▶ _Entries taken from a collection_
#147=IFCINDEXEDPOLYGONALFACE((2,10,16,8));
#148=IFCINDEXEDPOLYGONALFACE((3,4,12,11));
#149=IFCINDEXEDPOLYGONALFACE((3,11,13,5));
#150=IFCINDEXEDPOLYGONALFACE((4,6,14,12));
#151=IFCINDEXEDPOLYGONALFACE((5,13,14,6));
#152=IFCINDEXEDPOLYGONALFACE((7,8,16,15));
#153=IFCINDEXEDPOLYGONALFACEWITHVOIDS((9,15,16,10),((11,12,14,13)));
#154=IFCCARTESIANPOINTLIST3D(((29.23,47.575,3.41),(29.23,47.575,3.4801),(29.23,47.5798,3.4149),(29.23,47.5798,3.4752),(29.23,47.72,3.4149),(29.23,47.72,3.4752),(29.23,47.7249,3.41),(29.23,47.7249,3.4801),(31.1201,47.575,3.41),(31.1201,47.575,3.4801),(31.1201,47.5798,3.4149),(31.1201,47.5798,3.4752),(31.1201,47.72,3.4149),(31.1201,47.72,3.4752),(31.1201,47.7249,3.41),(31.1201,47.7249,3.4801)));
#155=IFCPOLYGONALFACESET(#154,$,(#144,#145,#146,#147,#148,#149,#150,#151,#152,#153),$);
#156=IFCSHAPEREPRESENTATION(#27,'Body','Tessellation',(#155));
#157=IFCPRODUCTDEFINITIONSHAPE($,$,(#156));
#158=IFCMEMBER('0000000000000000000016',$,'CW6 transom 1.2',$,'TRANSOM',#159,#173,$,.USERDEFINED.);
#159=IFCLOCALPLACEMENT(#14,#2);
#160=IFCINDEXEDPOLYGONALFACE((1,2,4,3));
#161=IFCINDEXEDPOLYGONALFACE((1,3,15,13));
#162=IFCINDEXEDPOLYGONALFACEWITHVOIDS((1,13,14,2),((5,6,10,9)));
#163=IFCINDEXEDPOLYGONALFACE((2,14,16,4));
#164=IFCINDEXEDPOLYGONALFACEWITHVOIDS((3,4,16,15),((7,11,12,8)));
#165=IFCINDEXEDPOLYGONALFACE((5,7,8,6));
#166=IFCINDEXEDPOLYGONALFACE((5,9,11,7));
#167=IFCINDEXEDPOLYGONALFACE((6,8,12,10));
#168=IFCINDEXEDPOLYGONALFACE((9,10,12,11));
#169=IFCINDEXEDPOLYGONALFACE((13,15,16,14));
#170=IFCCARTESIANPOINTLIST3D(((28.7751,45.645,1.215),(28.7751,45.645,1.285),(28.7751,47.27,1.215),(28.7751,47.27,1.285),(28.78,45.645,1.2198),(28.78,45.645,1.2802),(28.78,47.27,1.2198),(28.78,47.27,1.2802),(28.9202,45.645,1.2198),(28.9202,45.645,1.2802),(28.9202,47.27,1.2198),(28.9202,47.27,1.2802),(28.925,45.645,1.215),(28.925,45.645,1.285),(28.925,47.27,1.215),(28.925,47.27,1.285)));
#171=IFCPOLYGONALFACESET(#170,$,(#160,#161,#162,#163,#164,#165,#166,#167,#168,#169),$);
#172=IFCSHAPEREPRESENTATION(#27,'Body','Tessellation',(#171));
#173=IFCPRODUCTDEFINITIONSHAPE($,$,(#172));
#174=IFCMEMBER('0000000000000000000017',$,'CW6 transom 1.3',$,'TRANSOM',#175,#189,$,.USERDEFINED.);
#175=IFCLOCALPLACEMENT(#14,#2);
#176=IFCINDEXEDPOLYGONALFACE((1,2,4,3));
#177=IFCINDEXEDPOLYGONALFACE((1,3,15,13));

---

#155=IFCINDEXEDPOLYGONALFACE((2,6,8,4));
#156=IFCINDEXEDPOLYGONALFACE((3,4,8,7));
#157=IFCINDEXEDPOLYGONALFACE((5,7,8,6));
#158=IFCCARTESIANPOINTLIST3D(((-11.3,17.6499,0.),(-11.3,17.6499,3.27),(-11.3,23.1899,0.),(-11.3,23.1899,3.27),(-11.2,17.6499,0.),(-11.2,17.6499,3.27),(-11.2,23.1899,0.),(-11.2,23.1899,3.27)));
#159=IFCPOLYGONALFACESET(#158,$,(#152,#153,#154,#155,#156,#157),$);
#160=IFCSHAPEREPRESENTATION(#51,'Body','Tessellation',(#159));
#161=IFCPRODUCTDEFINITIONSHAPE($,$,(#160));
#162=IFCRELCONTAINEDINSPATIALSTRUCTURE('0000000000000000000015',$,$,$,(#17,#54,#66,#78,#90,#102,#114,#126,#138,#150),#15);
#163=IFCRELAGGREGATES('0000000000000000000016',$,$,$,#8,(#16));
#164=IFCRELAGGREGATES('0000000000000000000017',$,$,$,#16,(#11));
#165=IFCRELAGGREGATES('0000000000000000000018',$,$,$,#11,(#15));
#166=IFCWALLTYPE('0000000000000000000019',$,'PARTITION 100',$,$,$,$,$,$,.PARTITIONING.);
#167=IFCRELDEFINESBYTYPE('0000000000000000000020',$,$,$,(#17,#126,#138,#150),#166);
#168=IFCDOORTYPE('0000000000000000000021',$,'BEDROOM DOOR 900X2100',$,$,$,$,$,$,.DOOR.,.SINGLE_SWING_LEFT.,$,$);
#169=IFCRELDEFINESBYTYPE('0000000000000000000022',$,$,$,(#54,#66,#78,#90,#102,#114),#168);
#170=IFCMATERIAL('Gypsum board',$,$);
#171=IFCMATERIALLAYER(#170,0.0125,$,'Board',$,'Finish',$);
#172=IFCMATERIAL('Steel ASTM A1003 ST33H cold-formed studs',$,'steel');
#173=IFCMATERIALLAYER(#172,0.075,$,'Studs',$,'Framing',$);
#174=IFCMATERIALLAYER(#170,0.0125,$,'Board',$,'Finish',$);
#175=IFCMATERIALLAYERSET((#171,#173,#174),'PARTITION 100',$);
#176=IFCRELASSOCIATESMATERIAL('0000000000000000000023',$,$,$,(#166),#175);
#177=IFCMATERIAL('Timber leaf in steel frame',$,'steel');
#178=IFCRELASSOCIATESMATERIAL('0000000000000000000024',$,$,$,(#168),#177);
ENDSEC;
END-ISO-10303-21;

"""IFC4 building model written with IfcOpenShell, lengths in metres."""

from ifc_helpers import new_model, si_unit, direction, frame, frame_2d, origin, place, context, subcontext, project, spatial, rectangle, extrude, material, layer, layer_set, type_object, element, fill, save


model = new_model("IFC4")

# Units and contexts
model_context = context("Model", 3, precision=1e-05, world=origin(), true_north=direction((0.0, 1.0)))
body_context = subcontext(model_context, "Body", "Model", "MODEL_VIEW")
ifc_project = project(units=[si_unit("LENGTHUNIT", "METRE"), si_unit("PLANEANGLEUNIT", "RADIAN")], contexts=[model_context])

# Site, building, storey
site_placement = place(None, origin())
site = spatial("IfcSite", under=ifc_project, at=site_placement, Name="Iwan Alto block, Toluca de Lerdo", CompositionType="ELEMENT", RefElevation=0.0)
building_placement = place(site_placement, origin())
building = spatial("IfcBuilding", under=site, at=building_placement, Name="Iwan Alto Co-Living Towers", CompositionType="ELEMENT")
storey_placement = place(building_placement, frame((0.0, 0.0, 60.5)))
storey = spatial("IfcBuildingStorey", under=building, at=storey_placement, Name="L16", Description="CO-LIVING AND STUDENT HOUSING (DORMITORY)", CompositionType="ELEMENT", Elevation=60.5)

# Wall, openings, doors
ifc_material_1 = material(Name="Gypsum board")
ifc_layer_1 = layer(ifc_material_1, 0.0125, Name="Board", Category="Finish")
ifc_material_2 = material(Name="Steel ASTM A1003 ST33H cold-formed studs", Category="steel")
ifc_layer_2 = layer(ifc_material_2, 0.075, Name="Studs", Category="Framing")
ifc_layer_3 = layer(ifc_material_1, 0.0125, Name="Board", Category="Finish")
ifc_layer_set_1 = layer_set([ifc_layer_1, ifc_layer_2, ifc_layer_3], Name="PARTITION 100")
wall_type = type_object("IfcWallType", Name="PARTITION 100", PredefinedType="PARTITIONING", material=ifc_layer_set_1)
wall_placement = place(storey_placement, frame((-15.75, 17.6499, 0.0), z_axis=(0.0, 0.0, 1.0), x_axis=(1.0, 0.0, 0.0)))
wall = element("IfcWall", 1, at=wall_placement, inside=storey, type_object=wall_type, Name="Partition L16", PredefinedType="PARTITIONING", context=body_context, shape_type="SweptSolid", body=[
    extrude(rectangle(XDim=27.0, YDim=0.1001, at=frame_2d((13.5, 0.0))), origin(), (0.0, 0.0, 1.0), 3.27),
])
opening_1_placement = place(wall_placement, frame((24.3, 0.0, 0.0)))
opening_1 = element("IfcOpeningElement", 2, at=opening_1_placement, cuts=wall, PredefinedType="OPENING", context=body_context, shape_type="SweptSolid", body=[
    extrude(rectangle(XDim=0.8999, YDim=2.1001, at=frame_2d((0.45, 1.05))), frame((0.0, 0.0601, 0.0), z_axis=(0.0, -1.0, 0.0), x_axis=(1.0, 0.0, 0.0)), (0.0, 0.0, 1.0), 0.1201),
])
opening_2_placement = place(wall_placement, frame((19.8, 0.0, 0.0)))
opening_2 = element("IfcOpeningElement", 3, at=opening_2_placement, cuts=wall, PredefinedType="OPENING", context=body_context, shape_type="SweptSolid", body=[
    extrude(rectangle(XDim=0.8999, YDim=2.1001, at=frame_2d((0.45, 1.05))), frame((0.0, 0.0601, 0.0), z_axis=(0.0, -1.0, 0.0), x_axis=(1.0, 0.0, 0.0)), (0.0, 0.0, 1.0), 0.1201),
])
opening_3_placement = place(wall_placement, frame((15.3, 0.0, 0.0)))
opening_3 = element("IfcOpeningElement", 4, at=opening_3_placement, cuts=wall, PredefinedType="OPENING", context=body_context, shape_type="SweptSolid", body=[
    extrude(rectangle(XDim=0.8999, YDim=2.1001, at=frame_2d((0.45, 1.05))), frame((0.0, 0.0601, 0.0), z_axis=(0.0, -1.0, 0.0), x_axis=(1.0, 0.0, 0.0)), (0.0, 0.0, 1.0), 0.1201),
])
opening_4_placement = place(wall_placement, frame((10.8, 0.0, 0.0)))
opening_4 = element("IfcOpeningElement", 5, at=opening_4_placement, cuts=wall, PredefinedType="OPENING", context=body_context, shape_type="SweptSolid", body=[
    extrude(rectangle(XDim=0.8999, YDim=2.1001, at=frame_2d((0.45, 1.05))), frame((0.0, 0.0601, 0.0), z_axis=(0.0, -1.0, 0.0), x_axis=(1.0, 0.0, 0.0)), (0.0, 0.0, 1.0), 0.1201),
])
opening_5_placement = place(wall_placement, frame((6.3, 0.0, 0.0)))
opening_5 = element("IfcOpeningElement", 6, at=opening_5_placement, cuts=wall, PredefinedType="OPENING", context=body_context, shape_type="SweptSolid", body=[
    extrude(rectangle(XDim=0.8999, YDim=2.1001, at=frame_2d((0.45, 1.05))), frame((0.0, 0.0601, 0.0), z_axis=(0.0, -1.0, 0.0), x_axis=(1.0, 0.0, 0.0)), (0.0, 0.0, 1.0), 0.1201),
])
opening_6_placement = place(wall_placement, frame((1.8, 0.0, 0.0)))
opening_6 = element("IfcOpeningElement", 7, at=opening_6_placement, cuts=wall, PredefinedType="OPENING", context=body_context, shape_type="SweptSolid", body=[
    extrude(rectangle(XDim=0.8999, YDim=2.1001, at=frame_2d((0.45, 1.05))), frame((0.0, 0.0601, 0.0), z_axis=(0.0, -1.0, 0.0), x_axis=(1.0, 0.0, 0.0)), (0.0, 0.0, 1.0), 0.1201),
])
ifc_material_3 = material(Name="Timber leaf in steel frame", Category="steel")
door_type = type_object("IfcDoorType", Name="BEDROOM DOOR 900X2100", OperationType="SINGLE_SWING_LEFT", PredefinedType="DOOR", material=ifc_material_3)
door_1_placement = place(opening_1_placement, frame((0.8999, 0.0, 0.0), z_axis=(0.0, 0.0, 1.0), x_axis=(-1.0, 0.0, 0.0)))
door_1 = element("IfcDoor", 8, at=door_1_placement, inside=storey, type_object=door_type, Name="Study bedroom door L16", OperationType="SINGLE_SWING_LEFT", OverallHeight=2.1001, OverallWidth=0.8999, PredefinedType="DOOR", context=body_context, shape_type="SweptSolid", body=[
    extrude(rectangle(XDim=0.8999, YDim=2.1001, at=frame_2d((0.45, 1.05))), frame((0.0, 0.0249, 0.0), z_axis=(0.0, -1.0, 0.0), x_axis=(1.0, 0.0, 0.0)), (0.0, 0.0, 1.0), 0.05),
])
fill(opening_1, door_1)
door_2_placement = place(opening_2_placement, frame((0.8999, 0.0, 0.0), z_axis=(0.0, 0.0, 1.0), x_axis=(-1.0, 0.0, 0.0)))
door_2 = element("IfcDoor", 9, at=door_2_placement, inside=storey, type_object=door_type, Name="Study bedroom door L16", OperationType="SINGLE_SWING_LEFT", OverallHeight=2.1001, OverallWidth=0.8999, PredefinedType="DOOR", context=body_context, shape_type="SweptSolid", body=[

▶ _Required work_
Among the entries above, the lines between the ones containing "#147=IFCINDEXEDPOLYGONALFACE((2,10,16,8));" and "#172=IFCSHAPEREPRESENTATION(#27,'Body','Tessellation',(#171));", inclusive, are to be transcribed exactly. No other line is to be given.

▶ _Result_
#147=IFCINDEXEDPOLYGONALFACE((2,10,16,8));
#148=IFCINDEXEDPOLYGONALFACE((3,4,12,11));
#149=IFCINDEXEDPOLYGONALFACE((3,11,13,5));
#150=IFCINDEXEDPOLYGONALFACE((4,6,14,12));
#151=IFCINDEXEDPOLYGONALFACE((5,13,14,6));
#152=IFCINDEXEDPOLYGONALFACE((7,8,16,15));
#153=IFCINDEXEDPOLYGONALFACEWITHVOIDS((9,15,16,10),((11,12,14,13)));
#154=IFCCARTESIANPOINTLIST3D(((29.23,47.575,3.41),(29.23,47.575,3.4801),(29.23,47.5798,3.4149),(29.23,47.5798,3.4752),(29.23,47.72,3.4149),(29.23,47.72,3.4752),(29.23,47.7249,3.41),(29.23,47.7249,3.4801),(31.1201,47.575,3.41),(31.1201,47.575,3.4801),(31.1201,47.5798,3.4149),(31.1201,47.5798,3.4752),(31.1201,47.72,3.4149),(31.1201,47.72,3.4752),(31.1201,47.7249,3.41),(31.1201,47.7249,3.4801)));
#155=IFCPOLYGONALFACESET(#154,$,(#144,#145,#146,#147,#148,#149,#150,#151,#152,#153),$);
#156=IFCSHAPEREPRESENTATION(#27,'Body','Tessellation',(#155));
#157=IFCPRODUCTDEFINITIONSHAPE($,$,(#156));
#158=IFCMEMBER('0000000000000000000016',$,'CW6 transom 1.2',$,'TRANSOM',#159,#173,$,.USERDEFINED.);
#159=IFCLOCALPLACEMENT(#14,#2);
#160=IFCINDEXEDPOLYGONALFACE((1,2,4,3));
#161=IFCINDEXEDPOLYGONALFACE((1,3,15,13));
#162=IFCINDEXEDPOLYGONALFACEWITHVOIDS((1,13,14,2),((5,6,10,9)));
#163=IFCINDEXEDPOLYGONALFACE((2,14,16,4));
#164=IFCINDEXEDPOLYGONALFACEWITHVOIDS((3,4,16,15),((7,11,12,8)));
#165=IFCINDEXEDPOLYGONALFACE((5,7,8,6));
#166=IFCINDEXEDPOLYGONALFACE((5,9,11,7));
#167=IFCINDEXEDPOLYGONALFACE((6,8,12,10));
#168=IFCINDEXEDPOLYGONALFACE((9,10,12,11));
#169=IFCINDEXEDPOLYGONALFACE((13,15,16,14));
#170=IFCCARTESIANPOINTLIST3D(((28.7751,45.645,1.215),(28.7751,45.645,1.285),(28.7751,47.27,1.215),(28.7751,47.27,1.285),(28.78,45.645,1.2198),(28.78,45.645,1.2802),(28.78,47.27,1.2198),(28.78,47.27,1.2802),(28.9202,45.645,1.2198),(28.9202,45.645,1.2802),(28.9202,47.27,1.2198),(28.9202,47.27,1.2802),(28.925,45.645,1.215),(28.925,45.645,1.285),(28.925,47.27,1.215),(28.925,47.27,1.285)));
#171=IFCPOLYGONALFACESET(#170,$,(#160,#161,#162,#163,#164,#165,#166,#167,#168,#169),$);
#172=IFCSHAPEREPRESENTATION(#27,'Body','Tessellation',(#171));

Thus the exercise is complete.